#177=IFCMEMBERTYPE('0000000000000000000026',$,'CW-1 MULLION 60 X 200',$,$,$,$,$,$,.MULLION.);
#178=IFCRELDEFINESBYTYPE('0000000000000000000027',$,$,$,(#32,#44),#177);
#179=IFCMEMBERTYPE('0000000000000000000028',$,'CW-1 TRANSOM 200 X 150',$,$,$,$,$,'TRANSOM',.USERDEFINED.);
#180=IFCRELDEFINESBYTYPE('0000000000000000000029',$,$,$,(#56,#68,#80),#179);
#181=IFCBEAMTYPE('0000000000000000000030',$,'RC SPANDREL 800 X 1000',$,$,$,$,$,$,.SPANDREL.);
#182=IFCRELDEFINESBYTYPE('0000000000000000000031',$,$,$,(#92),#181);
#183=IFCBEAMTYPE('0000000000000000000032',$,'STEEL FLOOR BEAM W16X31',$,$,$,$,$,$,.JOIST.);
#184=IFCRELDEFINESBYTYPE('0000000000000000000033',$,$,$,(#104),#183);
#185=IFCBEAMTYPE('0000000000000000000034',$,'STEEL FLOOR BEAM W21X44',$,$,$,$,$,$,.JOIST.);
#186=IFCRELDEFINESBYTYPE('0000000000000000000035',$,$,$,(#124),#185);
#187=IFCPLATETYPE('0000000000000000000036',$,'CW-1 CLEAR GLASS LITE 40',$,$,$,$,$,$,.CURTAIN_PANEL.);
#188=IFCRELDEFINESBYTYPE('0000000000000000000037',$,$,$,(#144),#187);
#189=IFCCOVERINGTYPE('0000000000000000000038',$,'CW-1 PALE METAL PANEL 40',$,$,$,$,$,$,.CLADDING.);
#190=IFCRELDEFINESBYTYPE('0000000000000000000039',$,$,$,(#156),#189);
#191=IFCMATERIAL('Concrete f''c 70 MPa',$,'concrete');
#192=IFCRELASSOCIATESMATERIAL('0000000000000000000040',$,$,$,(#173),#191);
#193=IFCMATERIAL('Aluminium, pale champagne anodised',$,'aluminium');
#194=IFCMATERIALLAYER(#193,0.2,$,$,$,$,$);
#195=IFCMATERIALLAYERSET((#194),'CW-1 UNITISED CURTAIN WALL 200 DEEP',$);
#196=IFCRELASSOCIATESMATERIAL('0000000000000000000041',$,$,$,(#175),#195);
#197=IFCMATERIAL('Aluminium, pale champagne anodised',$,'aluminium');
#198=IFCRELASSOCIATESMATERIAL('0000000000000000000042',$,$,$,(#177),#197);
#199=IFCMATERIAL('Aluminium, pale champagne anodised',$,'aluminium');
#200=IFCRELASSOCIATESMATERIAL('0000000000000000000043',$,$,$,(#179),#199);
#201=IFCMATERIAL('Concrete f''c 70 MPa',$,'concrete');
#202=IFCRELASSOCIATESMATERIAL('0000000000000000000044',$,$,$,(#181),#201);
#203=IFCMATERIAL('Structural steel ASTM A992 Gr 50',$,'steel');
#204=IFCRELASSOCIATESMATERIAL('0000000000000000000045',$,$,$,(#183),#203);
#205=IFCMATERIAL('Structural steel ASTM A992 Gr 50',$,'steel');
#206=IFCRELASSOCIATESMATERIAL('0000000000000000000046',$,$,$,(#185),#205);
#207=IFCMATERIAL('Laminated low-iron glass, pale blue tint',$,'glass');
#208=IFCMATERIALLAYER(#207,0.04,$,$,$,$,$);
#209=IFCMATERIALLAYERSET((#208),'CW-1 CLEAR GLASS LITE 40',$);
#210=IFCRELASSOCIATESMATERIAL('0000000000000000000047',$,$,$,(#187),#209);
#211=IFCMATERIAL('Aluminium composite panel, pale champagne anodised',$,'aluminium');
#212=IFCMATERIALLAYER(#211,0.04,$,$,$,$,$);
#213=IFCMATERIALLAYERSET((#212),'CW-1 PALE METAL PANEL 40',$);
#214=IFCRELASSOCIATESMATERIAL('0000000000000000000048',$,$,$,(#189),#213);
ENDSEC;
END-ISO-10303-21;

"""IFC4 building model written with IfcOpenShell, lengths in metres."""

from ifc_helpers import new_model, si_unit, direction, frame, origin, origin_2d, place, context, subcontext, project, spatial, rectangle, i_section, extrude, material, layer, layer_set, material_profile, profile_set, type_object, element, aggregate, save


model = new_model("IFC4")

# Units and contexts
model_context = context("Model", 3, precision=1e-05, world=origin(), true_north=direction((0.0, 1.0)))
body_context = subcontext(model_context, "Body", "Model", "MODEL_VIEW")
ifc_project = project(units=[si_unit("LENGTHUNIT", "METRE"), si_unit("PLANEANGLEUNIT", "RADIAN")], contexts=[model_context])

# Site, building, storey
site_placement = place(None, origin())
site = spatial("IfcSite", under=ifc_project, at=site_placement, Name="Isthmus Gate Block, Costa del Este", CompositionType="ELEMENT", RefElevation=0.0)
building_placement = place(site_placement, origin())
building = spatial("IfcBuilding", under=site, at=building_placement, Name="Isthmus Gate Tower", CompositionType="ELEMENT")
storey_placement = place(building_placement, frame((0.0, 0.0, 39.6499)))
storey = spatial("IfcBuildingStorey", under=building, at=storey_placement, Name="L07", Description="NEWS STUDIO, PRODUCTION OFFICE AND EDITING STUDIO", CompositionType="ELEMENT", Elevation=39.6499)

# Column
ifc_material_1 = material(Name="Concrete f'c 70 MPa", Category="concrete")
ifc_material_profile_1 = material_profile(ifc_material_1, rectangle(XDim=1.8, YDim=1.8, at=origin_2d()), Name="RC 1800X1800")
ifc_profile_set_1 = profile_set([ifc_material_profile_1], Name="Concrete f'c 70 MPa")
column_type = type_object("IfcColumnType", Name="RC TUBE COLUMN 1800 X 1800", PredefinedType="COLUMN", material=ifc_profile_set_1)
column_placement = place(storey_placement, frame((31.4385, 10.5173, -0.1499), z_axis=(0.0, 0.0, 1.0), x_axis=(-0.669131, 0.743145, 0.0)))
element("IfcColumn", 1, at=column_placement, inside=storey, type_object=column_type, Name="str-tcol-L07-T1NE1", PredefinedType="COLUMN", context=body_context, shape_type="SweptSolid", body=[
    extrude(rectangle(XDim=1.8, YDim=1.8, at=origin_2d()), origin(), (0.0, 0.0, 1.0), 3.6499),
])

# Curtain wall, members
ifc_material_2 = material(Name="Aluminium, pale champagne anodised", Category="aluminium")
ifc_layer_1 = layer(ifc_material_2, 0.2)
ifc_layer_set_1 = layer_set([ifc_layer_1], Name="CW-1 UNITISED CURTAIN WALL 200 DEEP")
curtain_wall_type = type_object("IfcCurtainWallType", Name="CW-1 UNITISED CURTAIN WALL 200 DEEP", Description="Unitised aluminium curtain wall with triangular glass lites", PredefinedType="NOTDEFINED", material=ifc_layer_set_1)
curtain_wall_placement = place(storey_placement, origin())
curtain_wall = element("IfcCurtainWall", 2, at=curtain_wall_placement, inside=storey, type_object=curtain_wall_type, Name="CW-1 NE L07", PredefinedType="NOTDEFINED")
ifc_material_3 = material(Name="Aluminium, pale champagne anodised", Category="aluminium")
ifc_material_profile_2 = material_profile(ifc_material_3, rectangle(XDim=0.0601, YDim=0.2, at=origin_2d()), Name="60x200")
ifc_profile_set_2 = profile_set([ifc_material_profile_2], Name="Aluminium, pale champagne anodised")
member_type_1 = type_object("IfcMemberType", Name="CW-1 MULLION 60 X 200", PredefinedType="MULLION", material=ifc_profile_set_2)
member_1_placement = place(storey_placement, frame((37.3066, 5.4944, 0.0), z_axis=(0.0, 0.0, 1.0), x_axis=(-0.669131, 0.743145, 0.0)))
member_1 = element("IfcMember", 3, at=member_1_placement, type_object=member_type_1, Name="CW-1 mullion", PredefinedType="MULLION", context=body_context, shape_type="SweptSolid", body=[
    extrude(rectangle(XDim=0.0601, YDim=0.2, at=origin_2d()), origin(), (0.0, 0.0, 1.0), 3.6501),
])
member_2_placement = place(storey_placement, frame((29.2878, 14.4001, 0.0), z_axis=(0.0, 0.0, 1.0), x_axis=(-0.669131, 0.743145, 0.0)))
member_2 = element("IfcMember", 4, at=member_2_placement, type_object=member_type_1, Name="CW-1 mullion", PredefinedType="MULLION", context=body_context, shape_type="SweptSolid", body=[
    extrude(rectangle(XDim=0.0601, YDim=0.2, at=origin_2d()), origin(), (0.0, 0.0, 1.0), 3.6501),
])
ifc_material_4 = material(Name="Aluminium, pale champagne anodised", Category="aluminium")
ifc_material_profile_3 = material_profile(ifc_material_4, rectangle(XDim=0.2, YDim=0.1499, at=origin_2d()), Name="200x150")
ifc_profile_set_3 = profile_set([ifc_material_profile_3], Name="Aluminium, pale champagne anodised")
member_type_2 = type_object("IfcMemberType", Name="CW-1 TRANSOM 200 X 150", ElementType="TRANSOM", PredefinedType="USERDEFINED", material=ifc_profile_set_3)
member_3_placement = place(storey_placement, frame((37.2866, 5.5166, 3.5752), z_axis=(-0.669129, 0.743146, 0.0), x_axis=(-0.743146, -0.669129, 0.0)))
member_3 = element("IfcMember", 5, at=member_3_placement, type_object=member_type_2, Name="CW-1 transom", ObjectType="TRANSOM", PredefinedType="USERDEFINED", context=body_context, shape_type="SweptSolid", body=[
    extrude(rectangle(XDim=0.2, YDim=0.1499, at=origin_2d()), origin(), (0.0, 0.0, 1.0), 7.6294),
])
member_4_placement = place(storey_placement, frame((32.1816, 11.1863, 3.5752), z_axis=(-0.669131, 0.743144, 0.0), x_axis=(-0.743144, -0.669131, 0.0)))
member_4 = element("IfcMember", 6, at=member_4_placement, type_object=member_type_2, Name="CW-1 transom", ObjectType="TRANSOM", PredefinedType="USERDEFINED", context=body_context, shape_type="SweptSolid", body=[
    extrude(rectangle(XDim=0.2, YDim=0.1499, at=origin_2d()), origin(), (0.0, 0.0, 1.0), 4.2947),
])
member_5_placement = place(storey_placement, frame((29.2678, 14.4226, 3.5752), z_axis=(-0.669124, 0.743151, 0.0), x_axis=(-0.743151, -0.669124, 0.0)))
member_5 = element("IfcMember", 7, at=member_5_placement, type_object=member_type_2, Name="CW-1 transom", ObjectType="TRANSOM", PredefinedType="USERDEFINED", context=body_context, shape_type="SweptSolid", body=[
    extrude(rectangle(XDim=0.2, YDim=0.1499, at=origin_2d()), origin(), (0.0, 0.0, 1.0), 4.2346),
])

**PROBLEM DETAILS:** Return a copy of each line in the records above that has "IFCBEAMTYPE" in it.

**RESULT:**
#181=IFCBEAMTYPE('0000000000000000000030',$,'RC SPANDREL 800 X 1000',$,$,$,$,$,$,.SPANDREL.);
#183=IFCBEAMTYPE('0000000000000000000032',$,'STEEL FLOOR BEAM W16X31',$,$,$,$,$,$,.JOIST.);
#185=IFCBEAMTYPE('0000000000000000000034',$,'STEEL FLOOR BEAM W21X44',$,$,$,$,$,$,.JOIST.);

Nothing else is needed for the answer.